** DATA SECTION follows **

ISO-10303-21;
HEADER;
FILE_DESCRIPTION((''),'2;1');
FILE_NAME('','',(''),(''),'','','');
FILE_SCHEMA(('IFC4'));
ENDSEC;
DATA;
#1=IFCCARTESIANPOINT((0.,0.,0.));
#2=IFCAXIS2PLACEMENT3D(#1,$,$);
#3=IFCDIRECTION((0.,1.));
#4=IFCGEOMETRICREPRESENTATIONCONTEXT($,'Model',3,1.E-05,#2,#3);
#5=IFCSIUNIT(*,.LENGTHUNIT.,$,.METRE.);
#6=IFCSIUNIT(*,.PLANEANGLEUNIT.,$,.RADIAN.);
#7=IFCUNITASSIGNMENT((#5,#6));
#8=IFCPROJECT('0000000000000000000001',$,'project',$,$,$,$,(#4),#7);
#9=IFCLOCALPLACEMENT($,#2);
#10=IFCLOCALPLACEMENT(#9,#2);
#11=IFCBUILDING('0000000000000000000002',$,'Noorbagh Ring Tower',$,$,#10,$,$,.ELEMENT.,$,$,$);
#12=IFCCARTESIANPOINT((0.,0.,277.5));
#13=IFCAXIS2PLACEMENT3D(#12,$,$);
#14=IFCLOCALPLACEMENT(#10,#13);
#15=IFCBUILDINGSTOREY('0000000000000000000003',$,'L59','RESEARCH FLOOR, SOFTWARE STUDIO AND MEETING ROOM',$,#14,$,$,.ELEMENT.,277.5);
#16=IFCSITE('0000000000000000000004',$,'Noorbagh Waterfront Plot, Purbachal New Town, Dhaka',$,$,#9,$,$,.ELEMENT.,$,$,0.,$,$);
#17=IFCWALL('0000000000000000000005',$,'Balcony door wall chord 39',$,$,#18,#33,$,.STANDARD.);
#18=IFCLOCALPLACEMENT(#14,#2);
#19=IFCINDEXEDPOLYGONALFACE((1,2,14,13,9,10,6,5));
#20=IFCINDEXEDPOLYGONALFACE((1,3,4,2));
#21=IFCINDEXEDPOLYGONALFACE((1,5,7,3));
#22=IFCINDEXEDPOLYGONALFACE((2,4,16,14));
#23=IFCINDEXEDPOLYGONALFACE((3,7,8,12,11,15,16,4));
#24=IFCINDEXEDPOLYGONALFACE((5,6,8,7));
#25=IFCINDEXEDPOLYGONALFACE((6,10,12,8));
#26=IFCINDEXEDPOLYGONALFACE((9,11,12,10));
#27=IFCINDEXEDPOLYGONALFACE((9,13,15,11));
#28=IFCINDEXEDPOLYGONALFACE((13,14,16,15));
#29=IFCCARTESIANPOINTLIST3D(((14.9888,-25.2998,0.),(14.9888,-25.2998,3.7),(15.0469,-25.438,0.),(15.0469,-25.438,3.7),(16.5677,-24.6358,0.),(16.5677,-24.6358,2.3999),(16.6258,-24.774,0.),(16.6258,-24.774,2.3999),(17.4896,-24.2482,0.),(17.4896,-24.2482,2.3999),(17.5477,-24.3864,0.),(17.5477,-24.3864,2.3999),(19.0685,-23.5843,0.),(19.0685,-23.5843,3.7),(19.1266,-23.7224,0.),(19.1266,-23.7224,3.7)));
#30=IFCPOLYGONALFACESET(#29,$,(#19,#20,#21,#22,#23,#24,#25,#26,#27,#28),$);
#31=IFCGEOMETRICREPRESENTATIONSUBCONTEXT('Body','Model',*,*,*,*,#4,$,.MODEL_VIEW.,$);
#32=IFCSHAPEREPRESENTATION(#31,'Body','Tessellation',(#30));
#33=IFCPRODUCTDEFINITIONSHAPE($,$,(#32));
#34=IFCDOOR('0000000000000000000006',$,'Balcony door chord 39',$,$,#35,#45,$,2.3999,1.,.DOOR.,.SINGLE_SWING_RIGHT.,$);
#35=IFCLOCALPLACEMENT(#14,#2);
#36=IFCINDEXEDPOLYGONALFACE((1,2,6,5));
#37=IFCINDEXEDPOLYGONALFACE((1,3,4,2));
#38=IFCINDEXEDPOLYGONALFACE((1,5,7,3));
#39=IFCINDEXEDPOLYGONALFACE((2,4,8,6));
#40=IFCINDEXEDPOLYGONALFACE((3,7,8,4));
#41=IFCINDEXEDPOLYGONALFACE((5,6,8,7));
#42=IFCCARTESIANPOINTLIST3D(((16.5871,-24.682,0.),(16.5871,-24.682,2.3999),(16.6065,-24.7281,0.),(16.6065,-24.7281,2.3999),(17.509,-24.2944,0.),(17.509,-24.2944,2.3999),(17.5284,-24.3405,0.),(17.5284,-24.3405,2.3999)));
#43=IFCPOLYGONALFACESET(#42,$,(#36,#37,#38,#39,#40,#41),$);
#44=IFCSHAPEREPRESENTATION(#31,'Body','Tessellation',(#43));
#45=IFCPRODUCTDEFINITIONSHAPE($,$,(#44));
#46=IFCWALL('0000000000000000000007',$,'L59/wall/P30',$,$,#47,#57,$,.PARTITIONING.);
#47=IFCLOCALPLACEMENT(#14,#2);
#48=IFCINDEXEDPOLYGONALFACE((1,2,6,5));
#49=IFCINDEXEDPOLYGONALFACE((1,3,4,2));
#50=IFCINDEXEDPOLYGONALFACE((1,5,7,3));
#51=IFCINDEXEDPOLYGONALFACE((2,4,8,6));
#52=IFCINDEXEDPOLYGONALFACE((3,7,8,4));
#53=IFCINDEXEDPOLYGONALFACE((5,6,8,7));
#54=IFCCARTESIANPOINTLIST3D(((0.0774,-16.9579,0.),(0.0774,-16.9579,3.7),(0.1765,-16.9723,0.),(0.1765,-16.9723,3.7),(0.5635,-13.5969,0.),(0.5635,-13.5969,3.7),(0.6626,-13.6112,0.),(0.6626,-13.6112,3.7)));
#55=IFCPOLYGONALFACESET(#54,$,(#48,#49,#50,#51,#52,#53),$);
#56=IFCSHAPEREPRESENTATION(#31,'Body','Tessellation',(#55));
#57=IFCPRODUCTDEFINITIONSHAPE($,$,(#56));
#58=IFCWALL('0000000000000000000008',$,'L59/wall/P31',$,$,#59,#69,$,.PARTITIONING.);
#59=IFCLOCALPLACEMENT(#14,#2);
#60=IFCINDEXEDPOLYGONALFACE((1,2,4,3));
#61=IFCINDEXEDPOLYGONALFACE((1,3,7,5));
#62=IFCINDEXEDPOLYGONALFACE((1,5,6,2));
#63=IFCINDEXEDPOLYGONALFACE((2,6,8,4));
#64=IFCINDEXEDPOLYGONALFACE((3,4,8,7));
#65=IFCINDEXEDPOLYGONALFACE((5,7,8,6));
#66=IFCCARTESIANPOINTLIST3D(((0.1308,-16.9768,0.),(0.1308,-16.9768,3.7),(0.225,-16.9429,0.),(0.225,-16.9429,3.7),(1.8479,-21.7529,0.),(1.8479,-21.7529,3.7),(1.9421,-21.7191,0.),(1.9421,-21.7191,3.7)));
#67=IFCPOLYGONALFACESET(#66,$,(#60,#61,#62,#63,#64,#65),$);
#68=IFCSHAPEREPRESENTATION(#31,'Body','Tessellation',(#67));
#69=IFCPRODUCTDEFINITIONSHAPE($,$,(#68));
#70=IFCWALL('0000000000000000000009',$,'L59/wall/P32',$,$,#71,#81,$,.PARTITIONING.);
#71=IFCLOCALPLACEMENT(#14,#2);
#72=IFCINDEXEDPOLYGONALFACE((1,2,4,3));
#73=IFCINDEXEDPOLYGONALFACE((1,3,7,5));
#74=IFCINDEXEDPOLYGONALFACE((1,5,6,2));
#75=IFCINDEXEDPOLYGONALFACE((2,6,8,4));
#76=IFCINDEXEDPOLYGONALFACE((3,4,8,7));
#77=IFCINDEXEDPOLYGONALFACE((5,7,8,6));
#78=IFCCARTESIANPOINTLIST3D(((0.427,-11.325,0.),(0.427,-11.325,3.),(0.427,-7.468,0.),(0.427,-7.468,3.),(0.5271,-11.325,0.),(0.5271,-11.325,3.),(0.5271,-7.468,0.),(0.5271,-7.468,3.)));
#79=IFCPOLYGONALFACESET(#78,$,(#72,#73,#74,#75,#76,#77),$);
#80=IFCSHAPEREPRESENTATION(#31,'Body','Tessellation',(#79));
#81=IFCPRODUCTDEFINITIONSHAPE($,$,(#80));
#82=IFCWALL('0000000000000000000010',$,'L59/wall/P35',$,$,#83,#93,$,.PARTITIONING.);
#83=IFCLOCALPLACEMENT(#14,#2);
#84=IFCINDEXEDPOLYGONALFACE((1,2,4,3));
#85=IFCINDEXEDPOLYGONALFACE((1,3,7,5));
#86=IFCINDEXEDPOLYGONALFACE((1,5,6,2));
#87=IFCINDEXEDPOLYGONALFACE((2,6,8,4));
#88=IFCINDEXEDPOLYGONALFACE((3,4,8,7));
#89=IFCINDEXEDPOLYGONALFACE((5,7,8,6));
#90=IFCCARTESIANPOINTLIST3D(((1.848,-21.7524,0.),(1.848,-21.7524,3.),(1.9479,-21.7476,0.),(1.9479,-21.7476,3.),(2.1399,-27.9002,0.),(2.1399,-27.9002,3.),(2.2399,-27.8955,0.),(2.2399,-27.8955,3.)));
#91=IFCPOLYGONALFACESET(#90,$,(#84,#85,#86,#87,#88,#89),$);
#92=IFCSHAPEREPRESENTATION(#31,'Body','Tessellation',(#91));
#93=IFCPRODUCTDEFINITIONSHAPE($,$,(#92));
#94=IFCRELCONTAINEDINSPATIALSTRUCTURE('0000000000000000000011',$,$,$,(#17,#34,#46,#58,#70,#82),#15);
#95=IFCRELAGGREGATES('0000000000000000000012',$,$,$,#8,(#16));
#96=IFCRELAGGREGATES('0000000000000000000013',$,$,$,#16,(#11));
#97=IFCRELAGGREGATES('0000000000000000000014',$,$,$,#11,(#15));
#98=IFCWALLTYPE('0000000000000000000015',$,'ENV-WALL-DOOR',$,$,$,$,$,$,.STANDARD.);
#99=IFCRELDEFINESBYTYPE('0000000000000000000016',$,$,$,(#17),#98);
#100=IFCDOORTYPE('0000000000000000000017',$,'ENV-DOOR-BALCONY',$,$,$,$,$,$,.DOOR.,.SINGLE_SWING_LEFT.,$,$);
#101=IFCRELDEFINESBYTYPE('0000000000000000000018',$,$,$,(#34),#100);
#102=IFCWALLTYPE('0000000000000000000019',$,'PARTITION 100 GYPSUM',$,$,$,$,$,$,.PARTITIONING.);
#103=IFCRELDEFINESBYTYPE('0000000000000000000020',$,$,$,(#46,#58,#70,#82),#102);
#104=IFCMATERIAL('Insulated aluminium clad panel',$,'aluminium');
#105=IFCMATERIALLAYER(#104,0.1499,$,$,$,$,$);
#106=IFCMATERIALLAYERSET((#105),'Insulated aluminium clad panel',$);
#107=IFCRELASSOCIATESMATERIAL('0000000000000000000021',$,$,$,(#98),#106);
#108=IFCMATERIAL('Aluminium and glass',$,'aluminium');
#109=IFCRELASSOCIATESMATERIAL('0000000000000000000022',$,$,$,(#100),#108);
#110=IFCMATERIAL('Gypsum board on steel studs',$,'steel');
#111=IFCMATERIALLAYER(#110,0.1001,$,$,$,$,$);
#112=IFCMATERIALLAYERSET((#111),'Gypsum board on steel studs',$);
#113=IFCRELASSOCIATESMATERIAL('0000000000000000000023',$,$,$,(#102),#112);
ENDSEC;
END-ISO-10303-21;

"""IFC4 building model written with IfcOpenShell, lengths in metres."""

from ifc_helpers import new_model, si_unit, direction, frame, frame_2d, origin, place, context, subcontext, project, spatial, rectangle, extrude, material, layer, layer_set, type_object, element, fill, save


model = new_model("IFC4")

# Units and contexts
model_context = context("Model", 3, precision=1e-05, world=origin(), true_north=direction((0.0, 1.0)))
body_context = subcontext(model_context, "Body", "Model", "MODEL_VIEW")
ifc_project = project(units=[si_unit("LENGTHUNIT", "METRE"), si_unit("PLANEANGLEUNIT", "RADIAN")], contexts=[model_context])

# Site, building, storey
site_placement = place(None, origin())
site = spatial("IfcSite", under=ifc_project, at=site_placement, Name="Noorbagh Waterfront Plot, Purbachal New Town, Dhaka", CompositionType="ELEMENT", RefElevation=0.0)
building_placement = place(site_placement, origin())
building = spatial("IfcBuilding", under=site, at=building_placement, Name="Noorbagh Ring Tower", CompositionType="ELEMENT")
storey_placement = place(building_placement, frame((0.0, 0.0, 277.5)))
storey = spatial("IfcBuildingStorey", under=building, at=storey_placement, Name="L59", Description="RESEARCH FLOOR, SOFTWARE STUDIO AND MEETING ROOM", CompositionType="ELEMENT", Elevation=277.5)

# Wall, opening, door
ifc_material_1 = material(Name="Insulated aluminium clad panel", Category="aluminium")
ifc_layer_1 = layer(ifc_material_1, 0.1499)
ifc_layer_set_1 = layer_set([ifc_layer_1], Name="Insulated aluminium clad panel")
wall_type_1 = type_object("IfcWallType", Name="ENV-WALL-DOOR", PredefinedType="STANDARD", material=ifc_layer_set_1)
wall_1_placement = place(storey_placement, frame((15.0178, -25.3689, 0.0), z_axis=(0.0, 0.0, 1.0), x_axis=(0.921817, 0.387625, 0.0)))
wall_1 = element("IfcWall", 1, at=wall_1_placement, inside=storey, type_object=wall_type_1, Name="Balcony door wall chord 39", PredefinedType="STANDARD", context=body_context, shape_type="SweptSolid", body=[
    extrude(rectangle(XDim=4.4258, YDim=0.1499, at=frame_2d((2.2129, 0.0))), origin(), (0.0, 0.0, 1.0), 3.7),
])
opening_1_placement = place(wall_1_placement, frame((1.7129, 0.0, 0.0)))
opening_1 = element("IfcOpeningElement", 2, at=opening_1_placement, cuts=wall_1, PredefinedType="OPENING", context=body_context, shape_type="SweptSolid", body=[
    extrude(rectangle(XDim=1.0, YDim=2.3999, at=frame_2d((0.5, 1.2))), frame((0.0, 0.085, 0.0), z_axis=(0.0, -1.0, 0.0), x_axis=(1.0, 0.0, 0.0)), (0.0, 0.0, 1.0), 0.1699),
])
ifc_material_2 = material(Name="Aluminium and glass", Category="aluminium")
door_type_1 = type_object("IfcDoorType", Name="ENV-DOOR-BALCONY", OperationType="SINGLE_SWING_LEFT", PredefinedType="DOOR", material=ifc_material_2)
door_1_placement = place(opening_1_placement, origin())
door_1 = element("IfcDoor", 3, at=door_1_placement, inside=storey, type_object=door_type_1, Name="Balcony door chord 39", OperationType="SINGLE_SWING_RIGHT", OverallHeight=2.3999, OverallWidth=1.0, PredefinedType="DOOR", context=body_context, shape_type="SweptSolid", body=[
    extrude(rectangle(XDim=1.0, YDim=2.3999, at=frame_2d((0.5, 1.2))), frame((0.0, 0.0249, 0.0), z_axis=(0.0, -1.0, 0.0), x_axis=(1.0, 0.0, 0.0)), (0.0, 0.0, 1.0), 0.05),
])
fill(opening_1, door_1)

# Walls
ifc_material_3 = material(Name="Gypsum board on steel studs", Category="steel")
ifc_layer_2 = layer(ifc_material_3, 0.1001)
ifc_layer_set_2 = layer_set([ifc_layer_2], Name="Gypsum board on steel studs")
wall_type_2 = type_object("IfcWallType", Name="PARTITION 100 GYPSUM", PredefinedType="PARTITIONING", material=ifc_layer_set_2)
wall_2_placement = place(storey_placement, frame((0.127, -16.9651, 0.0), z_axis=(0.0, 0.0, 1.0), x_axis=(0.143132, 0.989704, 0.0)))
element("IfcWall", 4, at=wall_2_placement, inside=storey, type_object=wall_type_2, Name="L59/wall/P30", PredefinedType="PARTITIONING", context=body_context, shape_type="SweptSolid", body=[
    extrude(rectangle(XDim=3.396, YDim=0.1001, at=frame_2d((1.698, 0.0))), origin(), (0.0, 0.0, 1.0), 3.7),
])
wall_3_placement = place(storey_placement, frame((0.178, -16.96, 0.0), z_axis=(0.0, 0.0, 1.0), x_axis=(0.338307, -0.941036, 0.0)))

** End of DATA SECTION **

PROBLEM:
Using the listing above, copy exactly the line that contains "#32=IFCSHAPEREPRESENTATION(#31,'Body','Tessellation',(#30));", the line that contains "#41=IFCINDEXEDPOLYGONALFACE((5,6,8,7));", and each line that falls between them.

TASK OUTPUT:
#32=IFCSHAPEREPRESENTATION(#31,'Body','Tessellation',(#30));
#33=IFCPRODUCTDEFINITIONSHAPE($,$,(#32));
#34=IFCDOOR('0000000000000000000006',$,'Balcony door chord 39',$,$,#35,#45,$,2.3999,1.,.DOOR.,.SINGLE_SWING_RIGHT.,$);
#35=IFCLOCALPLACEMENT(#14,#2);
#36=IFCINDEXEDPOLYGONALFACE((1,2,6,5));
#37=IFCINDEXEDPOLYGONALFACE((1,3,4,2));
#38=IFCINDEXEDPOLYGONALFACE((1,5,7,3));
#39=IFCINDEXEDPOLYGONALFACE((2,4,8,6));
#40=IFCINDEXEDPOLYGONALFACE((3,7,8,4));
#41=IFCINDEXEDPOLYGONALFACE((5,6,8,7));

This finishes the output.